INPUT RECORDS ->

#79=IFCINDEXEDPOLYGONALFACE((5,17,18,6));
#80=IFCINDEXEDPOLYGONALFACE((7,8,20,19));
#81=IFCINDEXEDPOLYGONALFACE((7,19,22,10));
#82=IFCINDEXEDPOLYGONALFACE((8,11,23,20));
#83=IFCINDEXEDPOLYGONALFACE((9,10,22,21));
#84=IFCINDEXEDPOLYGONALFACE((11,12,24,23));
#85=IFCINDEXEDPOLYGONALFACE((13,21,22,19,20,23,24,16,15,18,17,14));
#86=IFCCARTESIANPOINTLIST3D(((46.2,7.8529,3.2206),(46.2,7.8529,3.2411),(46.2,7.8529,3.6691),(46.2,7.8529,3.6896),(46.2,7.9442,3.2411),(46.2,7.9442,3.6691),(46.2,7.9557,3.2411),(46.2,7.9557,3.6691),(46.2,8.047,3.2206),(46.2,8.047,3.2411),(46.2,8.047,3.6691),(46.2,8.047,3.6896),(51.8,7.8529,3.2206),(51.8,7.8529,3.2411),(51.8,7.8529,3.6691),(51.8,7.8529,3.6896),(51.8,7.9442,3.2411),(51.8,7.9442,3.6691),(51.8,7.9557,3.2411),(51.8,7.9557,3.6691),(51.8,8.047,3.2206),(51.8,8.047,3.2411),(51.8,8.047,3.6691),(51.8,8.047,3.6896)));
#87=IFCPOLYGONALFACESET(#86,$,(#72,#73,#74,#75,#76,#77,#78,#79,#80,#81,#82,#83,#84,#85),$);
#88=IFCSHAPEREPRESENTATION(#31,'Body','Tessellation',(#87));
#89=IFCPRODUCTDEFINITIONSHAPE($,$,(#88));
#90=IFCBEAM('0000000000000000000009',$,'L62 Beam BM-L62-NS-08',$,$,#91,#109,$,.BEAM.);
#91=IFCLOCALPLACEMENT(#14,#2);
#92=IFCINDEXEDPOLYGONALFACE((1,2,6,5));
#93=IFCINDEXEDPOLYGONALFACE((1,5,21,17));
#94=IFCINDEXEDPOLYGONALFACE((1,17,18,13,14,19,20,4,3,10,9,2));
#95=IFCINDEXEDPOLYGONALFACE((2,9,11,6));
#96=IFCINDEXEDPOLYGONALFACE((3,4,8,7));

WHAT THE TASK REQUIRES -> Write out once more the lines above beginning at the line with "#88=IFCSHAPEREPRESENTATION(#31,'Body','Tessellation',(#87));"; continue through the final line and stop there.

ANSWER TO THE PROBLEM ->
#88=IFCSHAPEREPRESENTATION(#31,'Body','Tessellation',(#87));
#89=IFCPRODUCTDEFINITIONSHAPE($,$,(#88));
#90=IFCBEAM('0000000000000000000009',$,'L62 Beam BM-L62-NS-08',$,$,#91,#109,$,.BEAM.);
#91=IFCLOCALPLACEMENT(#14,#2);
#92=IFCINDEXEDPOLYGONALFACE((1,2,6,5));
#93=IFCINDEXEDPOLYGONALFACE((1,5,21,17));
#94=IFCINDEXEDPOLYGONALFACE((1,17,18,13,14,19,20,4,3,10,9,2));
#95=IFCINDEXEDPOLYGONALFACE((2,9,11,6));
#96=IFCINDEXEDPOLYGONALFACE((3,4,8,7));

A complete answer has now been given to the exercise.